- **DATA FOR PROCESSING**:
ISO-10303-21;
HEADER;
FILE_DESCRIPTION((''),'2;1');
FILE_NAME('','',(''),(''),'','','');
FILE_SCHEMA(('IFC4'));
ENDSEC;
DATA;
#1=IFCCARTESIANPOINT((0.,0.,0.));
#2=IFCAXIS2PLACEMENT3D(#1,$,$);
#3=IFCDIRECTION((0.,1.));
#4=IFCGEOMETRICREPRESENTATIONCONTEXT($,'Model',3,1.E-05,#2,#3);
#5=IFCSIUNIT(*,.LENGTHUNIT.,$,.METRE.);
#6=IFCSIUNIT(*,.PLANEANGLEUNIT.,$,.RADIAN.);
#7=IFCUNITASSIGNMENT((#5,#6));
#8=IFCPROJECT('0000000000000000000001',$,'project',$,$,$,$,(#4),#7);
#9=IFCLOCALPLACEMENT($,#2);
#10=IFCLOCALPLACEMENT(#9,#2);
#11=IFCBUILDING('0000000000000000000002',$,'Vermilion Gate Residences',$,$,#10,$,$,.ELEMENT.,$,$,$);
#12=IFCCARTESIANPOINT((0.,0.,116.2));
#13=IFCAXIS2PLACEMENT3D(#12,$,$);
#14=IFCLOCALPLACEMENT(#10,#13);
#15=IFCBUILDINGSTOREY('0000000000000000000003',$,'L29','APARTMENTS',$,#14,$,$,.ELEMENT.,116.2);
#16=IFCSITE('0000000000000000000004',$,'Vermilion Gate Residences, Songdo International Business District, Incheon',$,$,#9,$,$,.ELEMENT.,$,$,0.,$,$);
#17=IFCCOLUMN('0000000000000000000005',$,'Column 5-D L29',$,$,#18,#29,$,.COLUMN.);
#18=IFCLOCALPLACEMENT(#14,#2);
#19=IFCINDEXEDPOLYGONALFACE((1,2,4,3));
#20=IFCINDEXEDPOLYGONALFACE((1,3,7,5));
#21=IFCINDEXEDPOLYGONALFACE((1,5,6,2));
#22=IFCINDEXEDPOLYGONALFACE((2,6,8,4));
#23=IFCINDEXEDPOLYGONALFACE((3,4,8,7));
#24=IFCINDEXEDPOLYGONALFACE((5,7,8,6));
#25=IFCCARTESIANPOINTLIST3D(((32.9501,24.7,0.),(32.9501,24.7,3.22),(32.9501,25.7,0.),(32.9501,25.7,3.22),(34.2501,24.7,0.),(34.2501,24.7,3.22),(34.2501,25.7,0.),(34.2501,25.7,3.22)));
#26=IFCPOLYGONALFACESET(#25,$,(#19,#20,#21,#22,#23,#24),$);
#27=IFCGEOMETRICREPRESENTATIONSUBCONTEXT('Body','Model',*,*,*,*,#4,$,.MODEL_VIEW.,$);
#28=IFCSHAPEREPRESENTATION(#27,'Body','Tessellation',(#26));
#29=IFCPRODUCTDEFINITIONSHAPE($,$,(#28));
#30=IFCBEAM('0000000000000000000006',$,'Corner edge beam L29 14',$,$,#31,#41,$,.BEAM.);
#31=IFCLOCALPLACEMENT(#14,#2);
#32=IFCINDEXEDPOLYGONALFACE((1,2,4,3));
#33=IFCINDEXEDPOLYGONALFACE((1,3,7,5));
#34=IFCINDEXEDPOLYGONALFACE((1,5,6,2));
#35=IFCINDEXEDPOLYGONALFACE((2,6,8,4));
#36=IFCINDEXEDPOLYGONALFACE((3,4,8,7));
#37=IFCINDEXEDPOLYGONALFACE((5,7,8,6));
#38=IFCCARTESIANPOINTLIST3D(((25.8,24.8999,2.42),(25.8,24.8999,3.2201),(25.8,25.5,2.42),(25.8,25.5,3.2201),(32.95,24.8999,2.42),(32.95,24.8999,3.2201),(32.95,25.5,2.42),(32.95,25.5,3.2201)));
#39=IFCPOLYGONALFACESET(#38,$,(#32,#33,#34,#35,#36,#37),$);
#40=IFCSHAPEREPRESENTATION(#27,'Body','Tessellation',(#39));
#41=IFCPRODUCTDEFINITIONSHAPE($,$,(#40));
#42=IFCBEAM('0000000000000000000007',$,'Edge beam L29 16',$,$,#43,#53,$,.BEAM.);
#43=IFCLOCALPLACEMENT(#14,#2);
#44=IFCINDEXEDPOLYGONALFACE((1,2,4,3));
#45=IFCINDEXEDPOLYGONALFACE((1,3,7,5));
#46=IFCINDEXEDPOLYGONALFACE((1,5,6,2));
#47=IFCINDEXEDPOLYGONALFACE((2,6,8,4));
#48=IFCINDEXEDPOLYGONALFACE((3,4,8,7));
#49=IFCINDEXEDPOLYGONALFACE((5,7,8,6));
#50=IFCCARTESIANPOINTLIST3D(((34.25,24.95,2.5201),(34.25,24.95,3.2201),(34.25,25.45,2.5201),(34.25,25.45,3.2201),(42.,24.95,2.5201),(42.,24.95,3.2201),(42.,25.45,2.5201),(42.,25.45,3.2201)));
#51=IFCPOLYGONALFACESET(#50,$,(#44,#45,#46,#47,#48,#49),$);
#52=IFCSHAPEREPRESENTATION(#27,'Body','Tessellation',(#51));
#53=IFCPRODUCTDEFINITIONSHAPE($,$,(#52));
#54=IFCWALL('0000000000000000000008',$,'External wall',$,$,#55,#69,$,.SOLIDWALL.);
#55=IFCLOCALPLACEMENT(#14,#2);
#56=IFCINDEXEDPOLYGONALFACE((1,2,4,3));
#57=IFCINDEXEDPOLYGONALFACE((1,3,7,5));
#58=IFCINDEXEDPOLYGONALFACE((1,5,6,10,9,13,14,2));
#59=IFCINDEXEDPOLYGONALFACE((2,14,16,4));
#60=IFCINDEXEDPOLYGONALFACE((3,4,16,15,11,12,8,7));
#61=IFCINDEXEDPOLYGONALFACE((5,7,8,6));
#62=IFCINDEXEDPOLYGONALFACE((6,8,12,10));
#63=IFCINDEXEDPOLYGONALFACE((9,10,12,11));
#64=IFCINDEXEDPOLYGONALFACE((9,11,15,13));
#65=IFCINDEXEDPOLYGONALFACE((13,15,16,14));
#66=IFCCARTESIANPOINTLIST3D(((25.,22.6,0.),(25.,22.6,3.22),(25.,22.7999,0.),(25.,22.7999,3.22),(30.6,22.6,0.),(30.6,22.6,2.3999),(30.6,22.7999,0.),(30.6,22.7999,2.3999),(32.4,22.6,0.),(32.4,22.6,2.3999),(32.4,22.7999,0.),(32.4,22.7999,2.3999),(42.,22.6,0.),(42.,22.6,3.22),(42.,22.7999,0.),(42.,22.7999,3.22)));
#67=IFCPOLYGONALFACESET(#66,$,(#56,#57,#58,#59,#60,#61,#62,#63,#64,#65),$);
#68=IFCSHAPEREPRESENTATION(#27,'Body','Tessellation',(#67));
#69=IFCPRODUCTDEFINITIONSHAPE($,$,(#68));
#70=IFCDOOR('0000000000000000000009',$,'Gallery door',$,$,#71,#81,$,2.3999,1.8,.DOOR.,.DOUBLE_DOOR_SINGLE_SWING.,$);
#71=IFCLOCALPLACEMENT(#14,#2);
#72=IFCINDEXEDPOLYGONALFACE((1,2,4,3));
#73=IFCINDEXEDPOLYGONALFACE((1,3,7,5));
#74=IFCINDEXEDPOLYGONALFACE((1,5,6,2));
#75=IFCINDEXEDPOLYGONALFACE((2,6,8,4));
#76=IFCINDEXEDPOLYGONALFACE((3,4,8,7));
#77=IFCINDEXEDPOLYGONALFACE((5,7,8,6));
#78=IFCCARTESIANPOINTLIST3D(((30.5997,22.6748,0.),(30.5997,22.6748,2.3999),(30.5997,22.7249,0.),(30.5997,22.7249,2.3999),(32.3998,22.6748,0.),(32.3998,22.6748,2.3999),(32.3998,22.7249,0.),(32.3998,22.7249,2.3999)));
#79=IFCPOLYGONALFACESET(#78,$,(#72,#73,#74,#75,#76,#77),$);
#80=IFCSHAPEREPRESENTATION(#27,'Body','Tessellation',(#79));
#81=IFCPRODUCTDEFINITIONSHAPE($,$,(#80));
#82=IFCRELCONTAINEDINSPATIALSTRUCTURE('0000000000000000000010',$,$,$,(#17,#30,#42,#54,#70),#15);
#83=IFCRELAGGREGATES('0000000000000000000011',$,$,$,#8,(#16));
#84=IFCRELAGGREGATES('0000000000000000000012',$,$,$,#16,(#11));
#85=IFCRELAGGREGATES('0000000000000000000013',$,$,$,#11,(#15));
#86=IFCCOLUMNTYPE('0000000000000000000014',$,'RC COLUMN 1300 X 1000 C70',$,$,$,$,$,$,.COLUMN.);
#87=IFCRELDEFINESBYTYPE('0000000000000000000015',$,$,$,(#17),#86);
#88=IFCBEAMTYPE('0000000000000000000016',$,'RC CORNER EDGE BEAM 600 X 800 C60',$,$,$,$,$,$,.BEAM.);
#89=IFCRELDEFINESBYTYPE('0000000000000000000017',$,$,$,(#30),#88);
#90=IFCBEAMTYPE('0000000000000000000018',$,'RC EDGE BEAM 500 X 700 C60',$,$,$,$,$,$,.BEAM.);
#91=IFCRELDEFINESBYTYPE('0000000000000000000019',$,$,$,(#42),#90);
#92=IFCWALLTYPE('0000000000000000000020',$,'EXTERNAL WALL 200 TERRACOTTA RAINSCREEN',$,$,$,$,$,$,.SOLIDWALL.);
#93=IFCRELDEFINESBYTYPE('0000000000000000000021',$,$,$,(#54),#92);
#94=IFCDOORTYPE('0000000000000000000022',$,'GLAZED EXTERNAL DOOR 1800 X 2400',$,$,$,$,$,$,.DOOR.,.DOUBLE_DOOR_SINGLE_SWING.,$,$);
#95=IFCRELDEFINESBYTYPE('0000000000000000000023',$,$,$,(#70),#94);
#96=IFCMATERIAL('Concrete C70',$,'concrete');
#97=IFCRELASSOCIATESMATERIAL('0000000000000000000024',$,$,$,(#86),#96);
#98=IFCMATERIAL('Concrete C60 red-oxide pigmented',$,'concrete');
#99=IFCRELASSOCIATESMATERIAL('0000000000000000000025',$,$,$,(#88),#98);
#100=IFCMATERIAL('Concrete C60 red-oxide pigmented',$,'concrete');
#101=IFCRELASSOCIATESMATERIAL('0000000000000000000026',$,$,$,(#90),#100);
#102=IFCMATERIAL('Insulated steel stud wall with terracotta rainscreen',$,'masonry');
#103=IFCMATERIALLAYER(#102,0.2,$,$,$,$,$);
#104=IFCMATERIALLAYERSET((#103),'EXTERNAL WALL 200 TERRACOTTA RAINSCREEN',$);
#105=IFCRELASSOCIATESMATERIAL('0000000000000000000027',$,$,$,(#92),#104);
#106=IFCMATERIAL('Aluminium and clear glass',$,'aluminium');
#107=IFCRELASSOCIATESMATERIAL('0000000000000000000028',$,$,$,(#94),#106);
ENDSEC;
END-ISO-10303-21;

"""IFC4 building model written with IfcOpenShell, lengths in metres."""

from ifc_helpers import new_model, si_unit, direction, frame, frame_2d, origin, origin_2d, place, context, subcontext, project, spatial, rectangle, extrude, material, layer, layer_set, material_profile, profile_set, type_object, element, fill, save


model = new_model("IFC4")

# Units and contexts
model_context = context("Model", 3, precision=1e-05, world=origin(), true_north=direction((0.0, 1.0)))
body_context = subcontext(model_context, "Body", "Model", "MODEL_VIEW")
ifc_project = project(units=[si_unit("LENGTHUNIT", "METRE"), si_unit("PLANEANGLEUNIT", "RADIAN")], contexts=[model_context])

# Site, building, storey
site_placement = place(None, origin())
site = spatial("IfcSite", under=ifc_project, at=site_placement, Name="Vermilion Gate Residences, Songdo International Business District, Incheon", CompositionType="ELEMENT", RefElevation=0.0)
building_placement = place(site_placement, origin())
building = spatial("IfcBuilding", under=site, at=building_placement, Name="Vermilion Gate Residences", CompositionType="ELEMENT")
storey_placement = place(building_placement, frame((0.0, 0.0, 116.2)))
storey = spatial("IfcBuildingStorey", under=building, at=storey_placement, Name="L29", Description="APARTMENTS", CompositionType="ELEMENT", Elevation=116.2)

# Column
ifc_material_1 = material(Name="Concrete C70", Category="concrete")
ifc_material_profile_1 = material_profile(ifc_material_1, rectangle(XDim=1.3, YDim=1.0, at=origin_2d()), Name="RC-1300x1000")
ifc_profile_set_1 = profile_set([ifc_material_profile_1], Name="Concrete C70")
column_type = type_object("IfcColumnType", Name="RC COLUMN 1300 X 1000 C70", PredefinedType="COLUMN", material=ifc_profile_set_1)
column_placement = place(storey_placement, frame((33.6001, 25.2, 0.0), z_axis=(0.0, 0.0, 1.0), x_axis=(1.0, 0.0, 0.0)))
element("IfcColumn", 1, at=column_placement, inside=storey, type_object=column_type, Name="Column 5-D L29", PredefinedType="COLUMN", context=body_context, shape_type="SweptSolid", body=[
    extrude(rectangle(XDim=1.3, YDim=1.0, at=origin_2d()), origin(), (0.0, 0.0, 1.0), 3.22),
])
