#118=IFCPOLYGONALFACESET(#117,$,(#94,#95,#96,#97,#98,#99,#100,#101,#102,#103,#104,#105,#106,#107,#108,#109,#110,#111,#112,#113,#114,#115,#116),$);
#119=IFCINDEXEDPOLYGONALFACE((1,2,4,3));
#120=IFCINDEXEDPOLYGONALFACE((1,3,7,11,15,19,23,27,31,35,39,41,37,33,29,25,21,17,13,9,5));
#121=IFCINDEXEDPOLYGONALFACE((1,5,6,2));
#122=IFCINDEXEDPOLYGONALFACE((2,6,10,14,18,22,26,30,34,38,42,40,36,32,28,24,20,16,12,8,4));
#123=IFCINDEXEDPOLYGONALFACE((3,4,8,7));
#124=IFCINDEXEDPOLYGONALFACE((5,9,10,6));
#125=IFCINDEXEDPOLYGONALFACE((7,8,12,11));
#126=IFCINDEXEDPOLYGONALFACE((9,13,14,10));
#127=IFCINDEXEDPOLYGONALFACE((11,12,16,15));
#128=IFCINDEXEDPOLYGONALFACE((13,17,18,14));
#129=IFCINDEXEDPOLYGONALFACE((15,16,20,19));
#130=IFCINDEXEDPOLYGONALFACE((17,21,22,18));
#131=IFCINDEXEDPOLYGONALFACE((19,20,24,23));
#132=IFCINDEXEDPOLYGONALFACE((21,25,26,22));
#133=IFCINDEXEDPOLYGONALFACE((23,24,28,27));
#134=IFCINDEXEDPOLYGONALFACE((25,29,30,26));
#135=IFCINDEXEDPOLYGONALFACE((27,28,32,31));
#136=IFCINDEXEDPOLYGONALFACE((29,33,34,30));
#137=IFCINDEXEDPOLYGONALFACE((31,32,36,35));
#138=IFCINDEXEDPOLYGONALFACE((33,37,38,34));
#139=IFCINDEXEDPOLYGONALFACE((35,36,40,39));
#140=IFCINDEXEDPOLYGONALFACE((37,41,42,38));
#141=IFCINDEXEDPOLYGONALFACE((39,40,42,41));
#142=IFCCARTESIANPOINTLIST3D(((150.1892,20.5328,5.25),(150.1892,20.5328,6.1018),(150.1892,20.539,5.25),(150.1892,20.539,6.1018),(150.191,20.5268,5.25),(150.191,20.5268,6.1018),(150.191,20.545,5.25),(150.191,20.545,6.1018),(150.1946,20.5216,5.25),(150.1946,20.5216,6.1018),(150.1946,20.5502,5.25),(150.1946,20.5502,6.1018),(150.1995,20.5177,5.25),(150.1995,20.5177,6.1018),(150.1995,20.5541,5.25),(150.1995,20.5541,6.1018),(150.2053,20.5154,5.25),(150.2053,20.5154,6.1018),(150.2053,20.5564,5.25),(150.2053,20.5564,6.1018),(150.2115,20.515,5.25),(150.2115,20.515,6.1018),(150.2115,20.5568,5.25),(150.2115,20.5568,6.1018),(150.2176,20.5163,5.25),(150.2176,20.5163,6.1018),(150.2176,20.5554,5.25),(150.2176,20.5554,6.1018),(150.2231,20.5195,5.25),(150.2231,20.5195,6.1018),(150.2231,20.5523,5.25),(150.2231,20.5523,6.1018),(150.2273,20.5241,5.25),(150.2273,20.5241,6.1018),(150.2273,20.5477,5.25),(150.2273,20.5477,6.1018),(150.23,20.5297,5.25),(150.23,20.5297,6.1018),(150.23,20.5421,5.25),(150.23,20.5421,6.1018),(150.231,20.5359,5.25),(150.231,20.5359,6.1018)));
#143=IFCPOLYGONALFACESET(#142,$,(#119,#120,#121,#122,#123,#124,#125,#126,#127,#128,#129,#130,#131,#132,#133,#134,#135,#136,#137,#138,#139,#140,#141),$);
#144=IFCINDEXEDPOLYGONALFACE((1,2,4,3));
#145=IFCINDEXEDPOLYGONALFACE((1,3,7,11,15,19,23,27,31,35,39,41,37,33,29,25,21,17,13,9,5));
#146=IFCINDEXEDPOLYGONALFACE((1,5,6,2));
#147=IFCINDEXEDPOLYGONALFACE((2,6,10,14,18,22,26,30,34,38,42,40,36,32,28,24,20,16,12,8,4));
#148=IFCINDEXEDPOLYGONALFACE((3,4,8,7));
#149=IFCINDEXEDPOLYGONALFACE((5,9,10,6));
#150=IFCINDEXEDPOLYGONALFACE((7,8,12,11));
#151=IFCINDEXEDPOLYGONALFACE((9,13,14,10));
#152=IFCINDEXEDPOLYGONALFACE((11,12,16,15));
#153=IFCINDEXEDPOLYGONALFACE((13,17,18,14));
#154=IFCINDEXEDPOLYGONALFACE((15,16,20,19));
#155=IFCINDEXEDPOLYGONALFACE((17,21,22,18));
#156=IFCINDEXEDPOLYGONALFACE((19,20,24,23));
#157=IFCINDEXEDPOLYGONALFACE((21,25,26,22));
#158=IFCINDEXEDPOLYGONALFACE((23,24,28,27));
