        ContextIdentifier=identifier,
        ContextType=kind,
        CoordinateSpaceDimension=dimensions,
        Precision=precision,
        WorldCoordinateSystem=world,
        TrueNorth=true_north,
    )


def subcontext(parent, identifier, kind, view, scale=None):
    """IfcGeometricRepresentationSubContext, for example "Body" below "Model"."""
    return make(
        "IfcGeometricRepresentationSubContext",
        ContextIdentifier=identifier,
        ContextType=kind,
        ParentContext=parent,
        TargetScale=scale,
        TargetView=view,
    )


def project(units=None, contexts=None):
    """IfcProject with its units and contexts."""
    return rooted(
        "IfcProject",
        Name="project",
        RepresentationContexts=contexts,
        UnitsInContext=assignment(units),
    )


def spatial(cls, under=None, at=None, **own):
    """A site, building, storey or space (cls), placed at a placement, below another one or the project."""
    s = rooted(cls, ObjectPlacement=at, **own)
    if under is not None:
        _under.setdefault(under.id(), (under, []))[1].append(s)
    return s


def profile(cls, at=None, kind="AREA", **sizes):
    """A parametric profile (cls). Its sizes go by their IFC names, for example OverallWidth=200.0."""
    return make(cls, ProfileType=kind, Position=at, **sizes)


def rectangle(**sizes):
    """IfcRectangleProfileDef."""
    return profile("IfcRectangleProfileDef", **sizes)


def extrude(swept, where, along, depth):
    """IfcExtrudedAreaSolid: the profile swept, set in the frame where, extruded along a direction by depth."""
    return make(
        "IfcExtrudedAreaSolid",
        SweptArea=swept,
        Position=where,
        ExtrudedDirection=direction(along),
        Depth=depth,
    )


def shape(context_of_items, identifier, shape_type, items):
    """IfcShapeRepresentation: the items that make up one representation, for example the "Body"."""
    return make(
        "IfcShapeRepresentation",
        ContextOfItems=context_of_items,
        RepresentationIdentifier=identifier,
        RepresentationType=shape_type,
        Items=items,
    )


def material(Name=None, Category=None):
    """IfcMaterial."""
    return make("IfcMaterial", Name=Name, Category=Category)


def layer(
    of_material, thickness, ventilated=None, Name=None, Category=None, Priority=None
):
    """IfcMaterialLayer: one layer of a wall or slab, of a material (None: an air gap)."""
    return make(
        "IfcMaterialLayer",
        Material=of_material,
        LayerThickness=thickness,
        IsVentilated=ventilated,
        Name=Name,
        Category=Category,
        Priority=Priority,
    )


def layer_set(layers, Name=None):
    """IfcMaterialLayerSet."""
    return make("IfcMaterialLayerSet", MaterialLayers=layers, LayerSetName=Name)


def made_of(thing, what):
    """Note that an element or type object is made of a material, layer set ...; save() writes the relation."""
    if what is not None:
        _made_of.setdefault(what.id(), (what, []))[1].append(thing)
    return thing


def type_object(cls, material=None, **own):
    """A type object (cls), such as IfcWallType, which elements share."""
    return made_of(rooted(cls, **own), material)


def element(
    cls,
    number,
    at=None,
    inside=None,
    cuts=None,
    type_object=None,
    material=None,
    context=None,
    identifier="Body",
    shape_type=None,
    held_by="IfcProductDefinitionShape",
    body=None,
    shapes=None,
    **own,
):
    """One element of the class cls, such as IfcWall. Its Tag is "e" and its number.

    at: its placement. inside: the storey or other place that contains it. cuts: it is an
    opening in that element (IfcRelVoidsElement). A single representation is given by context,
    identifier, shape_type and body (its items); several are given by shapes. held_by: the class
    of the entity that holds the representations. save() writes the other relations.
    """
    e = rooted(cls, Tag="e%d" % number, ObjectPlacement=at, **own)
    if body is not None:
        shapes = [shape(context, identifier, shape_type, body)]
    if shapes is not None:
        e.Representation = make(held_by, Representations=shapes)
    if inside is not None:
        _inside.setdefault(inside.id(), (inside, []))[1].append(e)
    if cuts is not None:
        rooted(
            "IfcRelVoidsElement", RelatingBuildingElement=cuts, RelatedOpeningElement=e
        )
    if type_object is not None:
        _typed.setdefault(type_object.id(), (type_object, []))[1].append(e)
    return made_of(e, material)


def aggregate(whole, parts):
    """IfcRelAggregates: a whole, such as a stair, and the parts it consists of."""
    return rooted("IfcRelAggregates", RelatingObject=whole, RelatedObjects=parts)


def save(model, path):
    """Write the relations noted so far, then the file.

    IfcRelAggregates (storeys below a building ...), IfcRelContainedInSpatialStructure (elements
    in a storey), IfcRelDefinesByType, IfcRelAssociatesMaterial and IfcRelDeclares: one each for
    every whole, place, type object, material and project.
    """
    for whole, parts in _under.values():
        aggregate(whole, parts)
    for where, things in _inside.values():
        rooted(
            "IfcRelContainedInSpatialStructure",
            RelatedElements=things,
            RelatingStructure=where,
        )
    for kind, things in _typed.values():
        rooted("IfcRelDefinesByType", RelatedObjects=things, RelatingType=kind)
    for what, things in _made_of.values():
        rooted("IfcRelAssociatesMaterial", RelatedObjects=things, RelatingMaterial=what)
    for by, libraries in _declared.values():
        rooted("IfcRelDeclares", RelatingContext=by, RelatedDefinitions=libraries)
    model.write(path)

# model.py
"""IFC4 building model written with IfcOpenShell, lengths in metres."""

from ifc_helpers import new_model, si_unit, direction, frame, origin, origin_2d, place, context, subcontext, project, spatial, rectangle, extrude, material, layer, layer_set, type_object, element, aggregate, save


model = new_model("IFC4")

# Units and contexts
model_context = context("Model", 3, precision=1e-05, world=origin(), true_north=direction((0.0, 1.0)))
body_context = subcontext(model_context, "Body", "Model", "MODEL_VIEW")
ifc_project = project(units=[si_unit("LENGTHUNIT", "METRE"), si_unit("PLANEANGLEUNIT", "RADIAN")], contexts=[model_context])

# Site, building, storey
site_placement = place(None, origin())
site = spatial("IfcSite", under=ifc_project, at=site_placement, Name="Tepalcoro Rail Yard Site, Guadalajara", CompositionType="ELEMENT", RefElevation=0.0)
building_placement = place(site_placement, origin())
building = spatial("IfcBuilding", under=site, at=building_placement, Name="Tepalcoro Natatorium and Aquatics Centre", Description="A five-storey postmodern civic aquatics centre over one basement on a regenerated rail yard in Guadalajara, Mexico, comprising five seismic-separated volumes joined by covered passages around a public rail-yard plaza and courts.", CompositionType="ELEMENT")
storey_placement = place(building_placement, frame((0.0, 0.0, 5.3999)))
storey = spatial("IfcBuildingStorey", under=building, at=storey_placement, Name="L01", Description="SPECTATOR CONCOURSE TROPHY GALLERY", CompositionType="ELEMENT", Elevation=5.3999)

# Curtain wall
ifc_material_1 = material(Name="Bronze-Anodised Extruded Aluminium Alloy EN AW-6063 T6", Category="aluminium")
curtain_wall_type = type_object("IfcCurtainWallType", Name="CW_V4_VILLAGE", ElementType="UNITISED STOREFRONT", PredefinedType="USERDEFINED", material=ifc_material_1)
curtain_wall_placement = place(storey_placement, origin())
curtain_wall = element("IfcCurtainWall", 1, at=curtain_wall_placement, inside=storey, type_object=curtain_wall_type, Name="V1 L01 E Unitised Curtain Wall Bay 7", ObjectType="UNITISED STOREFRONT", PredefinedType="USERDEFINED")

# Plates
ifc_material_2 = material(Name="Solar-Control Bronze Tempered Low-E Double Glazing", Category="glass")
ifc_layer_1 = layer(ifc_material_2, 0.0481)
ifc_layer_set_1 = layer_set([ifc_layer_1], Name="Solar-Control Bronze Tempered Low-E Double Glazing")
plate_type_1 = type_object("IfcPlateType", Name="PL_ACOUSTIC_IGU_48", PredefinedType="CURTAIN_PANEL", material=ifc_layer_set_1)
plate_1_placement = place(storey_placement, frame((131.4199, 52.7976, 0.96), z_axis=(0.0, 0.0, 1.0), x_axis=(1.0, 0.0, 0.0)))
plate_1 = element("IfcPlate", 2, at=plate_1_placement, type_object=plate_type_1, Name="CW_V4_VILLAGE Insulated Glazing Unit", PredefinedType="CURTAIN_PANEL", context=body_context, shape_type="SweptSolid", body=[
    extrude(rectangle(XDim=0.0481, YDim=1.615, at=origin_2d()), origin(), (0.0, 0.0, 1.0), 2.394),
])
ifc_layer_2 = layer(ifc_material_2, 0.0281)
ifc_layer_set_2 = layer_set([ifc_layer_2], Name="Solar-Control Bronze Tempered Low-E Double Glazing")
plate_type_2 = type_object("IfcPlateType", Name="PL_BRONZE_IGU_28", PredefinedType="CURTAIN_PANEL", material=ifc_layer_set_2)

- **PROBLEM DESCRIPTION**: Print exactly, and only, the lines from the line containing "ifc_layer_1 = layer(ifc_material_2, 0.0481)" through the final line of the records, both included.

- **SOLUTION TO THE EXERCISE**:
ifc_layer_1 = layer(ifc_material_2, 0.0481)
ifc_layer_set_1 = layer_set([ifc_layer_1], Name="Solar-Control Bronze Tempered Low-E Double Glazing")
plate_type_1 = type_object("IfcPlateType", Name="PL_ACOUSTIC_IGU_48", PredefinedType="CURTAIN_PANEL", material=ifc_layer_set_1)
plate_1_placement = place(storey_placement, frame((131.4199, 52.7976, 0.96), z_axis=(0.0, 0.0, 1.0), x_axis=(1.0, 0.0, 0.0)))
plate_1 = element("IfcPlate", 2, at=plate_1_placement, type_object=plate_type_1, Name="CW_V4_VILLAGE Insulated Glazing Unit", PredefinedType="CURTAIN_PANEL", context=body_context, shape_type="SweptSolid", body=[
    extrude(rectangle(XDim=0.0481, YDim=1.615, at=origin_2d()), origin(), (0.0, 0.0, 1.0), 2.394),
])
ifc_layer_2 = layer(ifc_material_2, 0.0281)
ifc_layer_set_2 = layer_set([ifc_layer_2], Name="Solar-Control Bronze Tempered Low-E Double Glazing")
plate_type_2 = type_object("IfcPlateType", Name="PL_BRONZE_IGU_28", PredefinedType="CURTAIN_PANEL", material=ifc_layer_set_2)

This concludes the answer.